--- RECORDS FOR THE TASK Enclosed Below ---

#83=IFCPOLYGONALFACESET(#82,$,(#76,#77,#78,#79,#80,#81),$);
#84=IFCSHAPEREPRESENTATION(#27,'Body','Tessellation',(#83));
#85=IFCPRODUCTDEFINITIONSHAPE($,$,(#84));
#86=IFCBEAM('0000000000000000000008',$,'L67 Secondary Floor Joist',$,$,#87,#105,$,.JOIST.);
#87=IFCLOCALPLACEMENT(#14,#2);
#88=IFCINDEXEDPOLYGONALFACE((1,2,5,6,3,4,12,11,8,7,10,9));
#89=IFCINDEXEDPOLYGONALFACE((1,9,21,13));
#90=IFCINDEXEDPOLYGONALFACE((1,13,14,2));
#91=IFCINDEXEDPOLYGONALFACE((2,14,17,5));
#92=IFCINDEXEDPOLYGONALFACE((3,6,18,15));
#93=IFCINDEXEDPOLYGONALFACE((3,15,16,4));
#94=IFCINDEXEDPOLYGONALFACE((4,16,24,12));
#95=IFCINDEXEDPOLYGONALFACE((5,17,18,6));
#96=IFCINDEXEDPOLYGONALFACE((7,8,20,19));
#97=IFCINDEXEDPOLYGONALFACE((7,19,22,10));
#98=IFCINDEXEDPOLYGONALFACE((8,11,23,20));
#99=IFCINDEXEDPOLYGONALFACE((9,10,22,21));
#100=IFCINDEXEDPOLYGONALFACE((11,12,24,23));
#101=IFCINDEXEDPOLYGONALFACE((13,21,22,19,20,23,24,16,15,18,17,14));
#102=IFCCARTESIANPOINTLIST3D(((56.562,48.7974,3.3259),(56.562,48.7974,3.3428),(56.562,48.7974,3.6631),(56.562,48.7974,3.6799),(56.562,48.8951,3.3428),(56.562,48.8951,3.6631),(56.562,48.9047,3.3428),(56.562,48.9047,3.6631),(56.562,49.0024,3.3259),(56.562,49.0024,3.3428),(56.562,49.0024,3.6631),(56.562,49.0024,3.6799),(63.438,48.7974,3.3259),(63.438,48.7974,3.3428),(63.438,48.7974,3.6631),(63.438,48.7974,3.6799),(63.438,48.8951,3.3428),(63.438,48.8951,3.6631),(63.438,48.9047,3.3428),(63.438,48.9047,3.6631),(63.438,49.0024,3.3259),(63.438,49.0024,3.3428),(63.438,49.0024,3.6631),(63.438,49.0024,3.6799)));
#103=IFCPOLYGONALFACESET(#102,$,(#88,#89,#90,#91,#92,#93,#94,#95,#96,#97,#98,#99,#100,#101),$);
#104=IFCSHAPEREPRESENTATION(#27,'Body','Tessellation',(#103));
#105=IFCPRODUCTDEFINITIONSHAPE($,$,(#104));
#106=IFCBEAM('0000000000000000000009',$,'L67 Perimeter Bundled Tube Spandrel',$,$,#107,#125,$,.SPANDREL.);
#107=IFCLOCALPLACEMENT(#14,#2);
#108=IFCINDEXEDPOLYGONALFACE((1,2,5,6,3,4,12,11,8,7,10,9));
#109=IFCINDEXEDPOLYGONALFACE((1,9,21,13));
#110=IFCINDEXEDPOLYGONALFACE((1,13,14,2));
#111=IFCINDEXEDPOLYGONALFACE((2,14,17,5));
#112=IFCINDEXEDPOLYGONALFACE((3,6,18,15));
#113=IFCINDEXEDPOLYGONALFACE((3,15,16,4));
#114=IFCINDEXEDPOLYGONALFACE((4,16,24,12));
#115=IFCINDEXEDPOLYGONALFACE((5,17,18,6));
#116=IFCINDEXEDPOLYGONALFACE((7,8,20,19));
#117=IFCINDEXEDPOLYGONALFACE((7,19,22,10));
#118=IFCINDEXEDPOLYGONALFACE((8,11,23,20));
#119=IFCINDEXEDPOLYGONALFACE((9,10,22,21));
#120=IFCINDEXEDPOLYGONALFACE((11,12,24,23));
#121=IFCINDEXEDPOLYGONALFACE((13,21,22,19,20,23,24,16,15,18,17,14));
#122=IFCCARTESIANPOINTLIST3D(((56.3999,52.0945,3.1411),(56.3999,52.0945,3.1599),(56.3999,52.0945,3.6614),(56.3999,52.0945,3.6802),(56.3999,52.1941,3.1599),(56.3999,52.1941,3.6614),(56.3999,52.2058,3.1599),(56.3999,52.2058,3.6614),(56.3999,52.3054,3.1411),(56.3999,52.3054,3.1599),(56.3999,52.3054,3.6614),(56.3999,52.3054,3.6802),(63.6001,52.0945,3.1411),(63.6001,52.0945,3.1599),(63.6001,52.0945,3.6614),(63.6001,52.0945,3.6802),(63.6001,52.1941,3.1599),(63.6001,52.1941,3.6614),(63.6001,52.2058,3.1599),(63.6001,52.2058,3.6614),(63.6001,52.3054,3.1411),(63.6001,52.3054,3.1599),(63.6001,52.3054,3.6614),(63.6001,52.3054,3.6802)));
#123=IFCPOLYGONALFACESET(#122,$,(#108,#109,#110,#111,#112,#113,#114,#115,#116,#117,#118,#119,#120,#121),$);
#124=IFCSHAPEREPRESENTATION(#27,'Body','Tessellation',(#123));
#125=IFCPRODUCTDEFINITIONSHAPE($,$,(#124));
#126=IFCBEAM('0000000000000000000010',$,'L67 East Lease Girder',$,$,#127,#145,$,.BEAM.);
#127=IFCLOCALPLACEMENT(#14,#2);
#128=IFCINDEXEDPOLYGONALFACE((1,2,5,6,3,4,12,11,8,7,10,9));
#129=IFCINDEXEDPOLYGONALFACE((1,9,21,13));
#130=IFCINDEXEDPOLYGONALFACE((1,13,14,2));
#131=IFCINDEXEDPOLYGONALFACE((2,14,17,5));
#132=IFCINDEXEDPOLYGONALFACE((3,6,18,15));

--- End of Enclosed RECORDS FOR THE TASK ---
--- RECORDS FOR THE TASK Enclosed Below ---

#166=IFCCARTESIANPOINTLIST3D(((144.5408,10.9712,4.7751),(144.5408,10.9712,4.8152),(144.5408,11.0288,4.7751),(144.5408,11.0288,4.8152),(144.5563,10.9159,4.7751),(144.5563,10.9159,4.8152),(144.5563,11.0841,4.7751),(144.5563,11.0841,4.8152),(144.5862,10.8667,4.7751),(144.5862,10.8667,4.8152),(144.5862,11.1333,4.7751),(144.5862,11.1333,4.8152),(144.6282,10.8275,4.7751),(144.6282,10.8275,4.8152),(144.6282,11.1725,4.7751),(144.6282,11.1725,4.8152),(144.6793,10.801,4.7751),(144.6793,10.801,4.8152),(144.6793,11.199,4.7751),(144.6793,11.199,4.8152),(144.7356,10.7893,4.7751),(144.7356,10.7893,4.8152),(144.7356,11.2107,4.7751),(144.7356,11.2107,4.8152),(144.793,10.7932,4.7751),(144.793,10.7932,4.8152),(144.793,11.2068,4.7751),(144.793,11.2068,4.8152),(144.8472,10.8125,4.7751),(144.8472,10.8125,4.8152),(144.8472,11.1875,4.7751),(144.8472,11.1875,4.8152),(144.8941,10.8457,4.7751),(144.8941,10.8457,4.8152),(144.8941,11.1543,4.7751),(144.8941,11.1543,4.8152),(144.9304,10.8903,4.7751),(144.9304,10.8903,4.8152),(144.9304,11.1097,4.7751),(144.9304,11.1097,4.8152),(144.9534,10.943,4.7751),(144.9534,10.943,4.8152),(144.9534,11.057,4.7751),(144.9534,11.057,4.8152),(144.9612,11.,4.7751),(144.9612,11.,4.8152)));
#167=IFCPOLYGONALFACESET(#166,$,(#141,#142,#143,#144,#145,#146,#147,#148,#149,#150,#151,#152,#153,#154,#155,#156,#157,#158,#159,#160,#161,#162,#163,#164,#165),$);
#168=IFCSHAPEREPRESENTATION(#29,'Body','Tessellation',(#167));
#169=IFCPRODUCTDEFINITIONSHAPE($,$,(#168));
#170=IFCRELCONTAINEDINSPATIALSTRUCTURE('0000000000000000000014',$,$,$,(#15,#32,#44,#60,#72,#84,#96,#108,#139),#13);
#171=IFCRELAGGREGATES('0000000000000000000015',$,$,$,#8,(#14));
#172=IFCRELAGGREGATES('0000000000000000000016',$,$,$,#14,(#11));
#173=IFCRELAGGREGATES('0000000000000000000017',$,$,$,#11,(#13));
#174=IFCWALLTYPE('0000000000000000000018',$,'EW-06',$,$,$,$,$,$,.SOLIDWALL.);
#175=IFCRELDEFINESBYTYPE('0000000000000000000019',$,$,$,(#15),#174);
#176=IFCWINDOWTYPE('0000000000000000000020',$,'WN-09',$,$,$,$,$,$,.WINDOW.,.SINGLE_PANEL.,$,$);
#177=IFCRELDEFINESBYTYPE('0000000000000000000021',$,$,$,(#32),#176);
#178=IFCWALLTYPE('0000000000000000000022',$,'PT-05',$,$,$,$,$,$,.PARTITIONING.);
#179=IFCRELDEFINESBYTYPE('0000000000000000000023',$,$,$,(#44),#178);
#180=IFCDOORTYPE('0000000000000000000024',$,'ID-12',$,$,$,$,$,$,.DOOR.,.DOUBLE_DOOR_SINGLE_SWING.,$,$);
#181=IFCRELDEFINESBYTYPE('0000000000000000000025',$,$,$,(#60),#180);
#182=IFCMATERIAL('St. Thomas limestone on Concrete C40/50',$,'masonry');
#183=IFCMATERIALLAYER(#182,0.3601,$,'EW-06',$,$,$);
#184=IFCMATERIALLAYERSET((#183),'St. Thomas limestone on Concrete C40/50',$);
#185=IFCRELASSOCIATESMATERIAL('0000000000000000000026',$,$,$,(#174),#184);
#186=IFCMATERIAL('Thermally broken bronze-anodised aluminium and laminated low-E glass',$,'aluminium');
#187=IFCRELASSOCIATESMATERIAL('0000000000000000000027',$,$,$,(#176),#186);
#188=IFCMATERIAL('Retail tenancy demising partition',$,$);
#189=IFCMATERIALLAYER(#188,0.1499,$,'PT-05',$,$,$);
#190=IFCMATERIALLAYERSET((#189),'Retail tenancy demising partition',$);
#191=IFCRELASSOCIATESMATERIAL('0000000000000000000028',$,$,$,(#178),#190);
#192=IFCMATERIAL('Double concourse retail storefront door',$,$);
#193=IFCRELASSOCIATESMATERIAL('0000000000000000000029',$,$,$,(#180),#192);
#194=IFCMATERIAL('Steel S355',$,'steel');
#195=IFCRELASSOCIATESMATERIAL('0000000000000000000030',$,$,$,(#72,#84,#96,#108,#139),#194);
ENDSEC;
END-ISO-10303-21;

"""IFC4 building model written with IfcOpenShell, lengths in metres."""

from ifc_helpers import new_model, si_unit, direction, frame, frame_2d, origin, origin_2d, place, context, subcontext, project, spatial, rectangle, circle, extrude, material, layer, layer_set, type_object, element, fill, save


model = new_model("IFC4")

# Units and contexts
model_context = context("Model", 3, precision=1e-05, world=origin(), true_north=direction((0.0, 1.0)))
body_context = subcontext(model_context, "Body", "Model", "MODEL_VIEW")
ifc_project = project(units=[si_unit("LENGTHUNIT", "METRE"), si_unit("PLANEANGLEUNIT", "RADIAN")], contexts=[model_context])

--- End of Enclosed RECORDS FOR THE TASK ---
--- RECORDS FOR THE TASK Enclosed Below ---

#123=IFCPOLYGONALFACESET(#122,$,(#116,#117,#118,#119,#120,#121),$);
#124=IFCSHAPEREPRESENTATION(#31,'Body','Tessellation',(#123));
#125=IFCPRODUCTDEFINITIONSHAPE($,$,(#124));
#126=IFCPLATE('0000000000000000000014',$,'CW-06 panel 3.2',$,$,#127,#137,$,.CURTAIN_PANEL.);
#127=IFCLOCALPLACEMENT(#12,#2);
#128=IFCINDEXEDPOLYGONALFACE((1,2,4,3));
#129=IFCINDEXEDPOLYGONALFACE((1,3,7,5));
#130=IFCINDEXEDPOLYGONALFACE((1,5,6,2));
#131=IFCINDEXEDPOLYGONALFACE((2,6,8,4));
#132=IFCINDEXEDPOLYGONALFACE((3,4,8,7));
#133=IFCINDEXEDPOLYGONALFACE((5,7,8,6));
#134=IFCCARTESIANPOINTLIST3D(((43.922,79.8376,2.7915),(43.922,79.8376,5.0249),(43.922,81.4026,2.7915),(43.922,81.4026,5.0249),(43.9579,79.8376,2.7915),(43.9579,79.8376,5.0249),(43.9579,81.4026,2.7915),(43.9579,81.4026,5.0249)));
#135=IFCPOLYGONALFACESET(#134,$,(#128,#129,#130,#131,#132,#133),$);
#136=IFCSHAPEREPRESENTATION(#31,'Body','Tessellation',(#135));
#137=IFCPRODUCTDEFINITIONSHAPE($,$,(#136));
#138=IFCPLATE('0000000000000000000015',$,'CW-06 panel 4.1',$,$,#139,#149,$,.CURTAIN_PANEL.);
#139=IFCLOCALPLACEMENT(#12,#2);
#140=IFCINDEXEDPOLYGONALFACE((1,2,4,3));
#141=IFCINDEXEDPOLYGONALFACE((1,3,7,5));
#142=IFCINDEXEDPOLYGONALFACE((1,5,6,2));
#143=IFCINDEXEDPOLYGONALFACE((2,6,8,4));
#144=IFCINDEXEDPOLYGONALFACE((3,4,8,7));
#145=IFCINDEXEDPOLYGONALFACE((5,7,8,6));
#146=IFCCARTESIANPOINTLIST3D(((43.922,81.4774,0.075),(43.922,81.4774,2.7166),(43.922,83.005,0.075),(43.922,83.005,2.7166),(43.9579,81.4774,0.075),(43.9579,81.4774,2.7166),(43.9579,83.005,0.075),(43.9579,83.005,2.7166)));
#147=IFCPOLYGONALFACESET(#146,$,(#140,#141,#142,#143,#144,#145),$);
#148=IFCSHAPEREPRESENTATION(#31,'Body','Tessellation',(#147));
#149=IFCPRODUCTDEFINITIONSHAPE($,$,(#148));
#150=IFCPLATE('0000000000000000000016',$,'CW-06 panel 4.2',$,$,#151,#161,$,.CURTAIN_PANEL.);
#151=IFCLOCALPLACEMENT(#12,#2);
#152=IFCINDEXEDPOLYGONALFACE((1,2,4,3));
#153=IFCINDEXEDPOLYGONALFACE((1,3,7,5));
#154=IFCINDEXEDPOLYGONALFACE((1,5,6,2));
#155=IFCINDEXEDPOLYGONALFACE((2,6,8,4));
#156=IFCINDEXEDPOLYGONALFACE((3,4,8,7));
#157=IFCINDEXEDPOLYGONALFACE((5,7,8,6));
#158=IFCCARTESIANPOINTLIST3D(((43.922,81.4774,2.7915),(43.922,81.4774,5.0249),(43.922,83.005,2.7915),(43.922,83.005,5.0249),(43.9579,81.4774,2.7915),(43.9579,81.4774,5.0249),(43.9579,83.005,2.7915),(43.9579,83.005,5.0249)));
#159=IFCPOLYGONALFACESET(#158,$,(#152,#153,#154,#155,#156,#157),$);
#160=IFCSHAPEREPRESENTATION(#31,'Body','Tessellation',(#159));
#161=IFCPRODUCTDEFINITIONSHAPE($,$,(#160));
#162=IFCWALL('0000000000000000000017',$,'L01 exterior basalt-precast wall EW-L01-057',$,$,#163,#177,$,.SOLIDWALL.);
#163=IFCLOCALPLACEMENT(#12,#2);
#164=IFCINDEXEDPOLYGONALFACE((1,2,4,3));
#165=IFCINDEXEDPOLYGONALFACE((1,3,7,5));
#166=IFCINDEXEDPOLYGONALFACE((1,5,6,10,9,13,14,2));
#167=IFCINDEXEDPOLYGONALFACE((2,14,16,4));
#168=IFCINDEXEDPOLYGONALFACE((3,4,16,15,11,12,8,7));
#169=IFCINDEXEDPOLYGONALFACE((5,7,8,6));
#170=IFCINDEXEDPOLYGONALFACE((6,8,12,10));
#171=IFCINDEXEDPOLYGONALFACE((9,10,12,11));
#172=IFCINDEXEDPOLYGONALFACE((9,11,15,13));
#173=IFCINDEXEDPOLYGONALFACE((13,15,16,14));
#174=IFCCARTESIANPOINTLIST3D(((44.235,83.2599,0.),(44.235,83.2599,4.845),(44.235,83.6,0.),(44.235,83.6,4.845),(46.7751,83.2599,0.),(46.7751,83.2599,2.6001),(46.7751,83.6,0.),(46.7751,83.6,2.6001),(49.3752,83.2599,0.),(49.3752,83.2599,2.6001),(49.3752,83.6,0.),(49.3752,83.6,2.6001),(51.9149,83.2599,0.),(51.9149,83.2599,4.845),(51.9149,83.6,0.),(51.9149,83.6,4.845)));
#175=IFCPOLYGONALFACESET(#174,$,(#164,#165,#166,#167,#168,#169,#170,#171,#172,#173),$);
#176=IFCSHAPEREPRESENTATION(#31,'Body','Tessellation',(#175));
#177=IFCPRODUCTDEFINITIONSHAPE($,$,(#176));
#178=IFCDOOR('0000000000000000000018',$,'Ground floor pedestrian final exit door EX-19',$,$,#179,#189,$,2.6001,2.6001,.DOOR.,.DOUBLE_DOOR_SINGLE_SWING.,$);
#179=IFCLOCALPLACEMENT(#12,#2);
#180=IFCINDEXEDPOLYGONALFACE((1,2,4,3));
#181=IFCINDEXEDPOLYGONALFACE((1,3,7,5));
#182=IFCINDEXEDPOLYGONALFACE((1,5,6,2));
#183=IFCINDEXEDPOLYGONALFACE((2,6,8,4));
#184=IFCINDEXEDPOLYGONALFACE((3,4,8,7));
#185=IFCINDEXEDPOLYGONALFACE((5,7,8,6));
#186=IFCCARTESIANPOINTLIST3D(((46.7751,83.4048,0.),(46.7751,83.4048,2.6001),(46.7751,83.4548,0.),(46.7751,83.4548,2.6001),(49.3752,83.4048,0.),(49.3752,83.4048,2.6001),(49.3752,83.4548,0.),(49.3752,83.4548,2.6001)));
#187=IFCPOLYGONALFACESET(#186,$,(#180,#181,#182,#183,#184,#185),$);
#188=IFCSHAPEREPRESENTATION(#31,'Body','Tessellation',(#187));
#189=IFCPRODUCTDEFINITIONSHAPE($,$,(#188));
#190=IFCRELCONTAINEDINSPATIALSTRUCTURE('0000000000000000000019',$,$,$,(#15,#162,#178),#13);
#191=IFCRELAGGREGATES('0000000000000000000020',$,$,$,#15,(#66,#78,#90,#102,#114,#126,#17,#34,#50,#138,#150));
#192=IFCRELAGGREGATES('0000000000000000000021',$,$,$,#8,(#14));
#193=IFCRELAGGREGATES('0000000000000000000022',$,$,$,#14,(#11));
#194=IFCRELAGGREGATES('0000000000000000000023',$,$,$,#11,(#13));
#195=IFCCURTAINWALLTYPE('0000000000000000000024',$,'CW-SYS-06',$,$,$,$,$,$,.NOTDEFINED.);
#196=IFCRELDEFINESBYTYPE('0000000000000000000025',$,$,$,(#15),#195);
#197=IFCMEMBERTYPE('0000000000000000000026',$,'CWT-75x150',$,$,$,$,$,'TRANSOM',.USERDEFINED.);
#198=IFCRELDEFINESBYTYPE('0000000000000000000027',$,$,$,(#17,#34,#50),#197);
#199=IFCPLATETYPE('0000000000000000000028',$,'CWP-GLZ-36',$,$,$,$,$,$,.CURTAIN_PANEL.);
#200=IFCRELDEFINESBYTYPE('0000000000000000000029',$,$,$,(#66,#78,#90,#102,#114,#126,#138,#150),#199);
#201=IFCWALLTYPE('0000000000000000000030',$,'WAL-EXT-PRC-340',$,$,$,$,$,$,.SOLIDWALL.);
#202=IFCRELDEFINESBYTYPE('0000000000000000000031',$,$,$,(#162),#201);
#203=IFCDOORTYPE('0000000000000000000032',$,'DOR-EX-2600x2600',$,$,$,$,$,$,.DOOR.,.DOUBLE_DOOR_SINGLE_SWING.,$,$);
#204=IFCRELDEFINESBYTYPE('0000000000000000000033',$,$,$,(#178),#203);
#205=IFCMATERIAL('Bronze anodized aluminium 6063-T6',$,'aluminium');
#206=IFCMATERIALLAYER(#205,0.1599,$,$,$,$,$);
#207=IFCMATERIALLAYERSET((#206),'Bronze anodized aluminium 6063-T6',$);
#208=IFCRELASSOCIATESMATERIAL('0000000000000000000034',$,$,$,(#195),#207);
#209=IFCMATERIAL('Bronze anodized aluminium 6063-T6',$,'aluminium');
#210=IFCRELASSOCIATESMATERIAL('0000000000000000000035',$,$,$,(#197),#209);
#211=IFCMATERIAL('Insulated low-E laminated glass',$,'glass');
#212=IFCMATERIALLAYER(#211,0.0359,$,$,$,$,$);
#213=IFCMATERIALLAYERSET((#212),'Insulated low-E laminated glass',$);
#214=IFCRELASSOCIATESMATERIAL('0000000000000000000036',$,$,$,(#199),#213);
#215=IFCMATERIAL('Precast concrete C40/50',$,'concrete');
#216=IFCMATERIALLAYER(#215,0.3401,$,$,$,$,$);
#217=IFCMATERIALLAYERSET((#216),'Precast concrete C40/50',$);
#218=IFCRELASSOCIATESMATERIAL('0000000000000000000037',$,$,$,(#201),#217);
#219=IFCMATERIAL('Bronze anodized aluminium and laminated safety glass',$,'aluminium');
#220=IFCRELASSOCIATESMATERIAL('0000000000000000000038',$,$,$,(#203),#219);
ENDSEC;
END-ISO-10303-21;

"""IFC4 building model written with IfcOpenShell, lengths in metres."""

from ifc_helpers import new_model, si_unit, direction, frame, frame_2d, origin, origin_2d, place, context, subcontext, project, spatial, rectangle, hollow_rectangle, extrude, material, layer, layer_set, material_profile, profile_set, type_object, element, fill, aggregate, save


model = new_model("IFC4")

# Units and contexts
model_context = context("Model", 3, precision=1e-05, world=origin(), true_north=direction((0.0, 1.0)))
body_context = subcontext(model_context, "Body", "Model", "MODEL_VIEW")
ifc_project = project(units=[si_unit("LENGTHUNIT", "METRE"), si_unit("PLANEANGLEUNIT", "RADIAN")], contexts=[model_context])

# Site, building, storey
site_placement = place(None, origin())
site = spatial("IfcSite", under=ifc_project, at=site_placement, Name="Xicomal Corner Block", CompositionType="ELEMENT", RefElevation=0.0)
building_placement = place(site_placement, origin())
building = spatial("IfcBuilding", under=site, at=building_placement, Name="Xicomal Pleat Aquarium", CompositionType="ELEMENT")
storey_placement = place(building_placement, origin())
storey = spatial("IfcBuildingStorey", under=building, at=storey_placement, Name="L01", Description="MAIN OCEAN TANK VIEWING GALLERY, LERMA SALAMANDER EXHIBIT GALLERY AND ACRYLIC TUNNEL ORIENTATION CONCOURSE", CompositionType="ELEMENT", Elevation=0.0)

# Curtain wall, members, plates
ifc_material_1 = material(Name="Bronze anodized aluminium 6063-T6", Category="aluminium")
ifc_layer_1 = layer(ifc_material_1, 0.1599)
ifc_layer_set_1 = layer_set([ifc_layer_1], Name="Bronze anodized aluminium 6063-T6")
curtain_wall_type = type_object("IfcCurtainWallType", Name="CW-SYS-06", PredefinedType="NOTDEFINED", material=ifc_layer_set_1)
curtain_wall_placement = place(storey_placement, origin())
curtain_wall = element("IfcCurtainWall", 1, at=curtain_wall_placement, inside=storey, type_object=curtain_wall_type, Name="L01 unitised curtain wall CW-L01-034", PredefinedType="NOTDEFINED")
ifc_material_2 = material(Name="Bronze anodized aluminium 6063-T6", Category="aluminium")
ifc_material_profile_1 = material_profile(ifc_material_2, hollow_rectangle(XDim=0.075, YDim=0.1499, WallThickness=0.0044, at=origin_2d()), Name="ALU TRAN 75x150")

--- End of Enclosed RECORDS FOR THE TASK ---

* **PROBLEM TO SOLVE**
Where the listing above has a line with "#83=IFCPOLYGONALFACESET(#82,$,(#76,#77,#78,#79,#80,#81),$);", start there, and output every line exactly through the line with "#92=IFCINDEXEDPOLYGONALFACE((3,6,18,15));", which is also included.

* **RESULT OF THE EXERCISE**
#83=IFCPOLYGONALFACESET(#82,$,(#76,#77,#78,#79,#80,#81),$);
#84=IFCSHAPEREPRESENTATION(#27,'Body','Tessellation',(#83));
#85=IFCPRODUCTDEFINITIONSHAPE($,$,(#84));
#86=IFCBEAM('0000000000000000000008',$,'L67 Secondary Floor Joist',$,$,#87,#105,$,.JOIST.);
#87=IFCLOCALPLACEMENT(#14,#2);
#88=IFCINDEXEDPOLYGONALFACE((1,2,5,6,3,4,12,11,8,7,10,9));
#89=IFCINDEXEDPOLYGONALFACE((1,9,21,13));
#90=IFCINDEXEDPOLYGONALFACE((1,13,14,2));
#91=IFCINDEXEDPOLYGONALFACE((2,14,17,5));
#92=IFCINDEXEDPOLYGONALFACE((3,6,18,15));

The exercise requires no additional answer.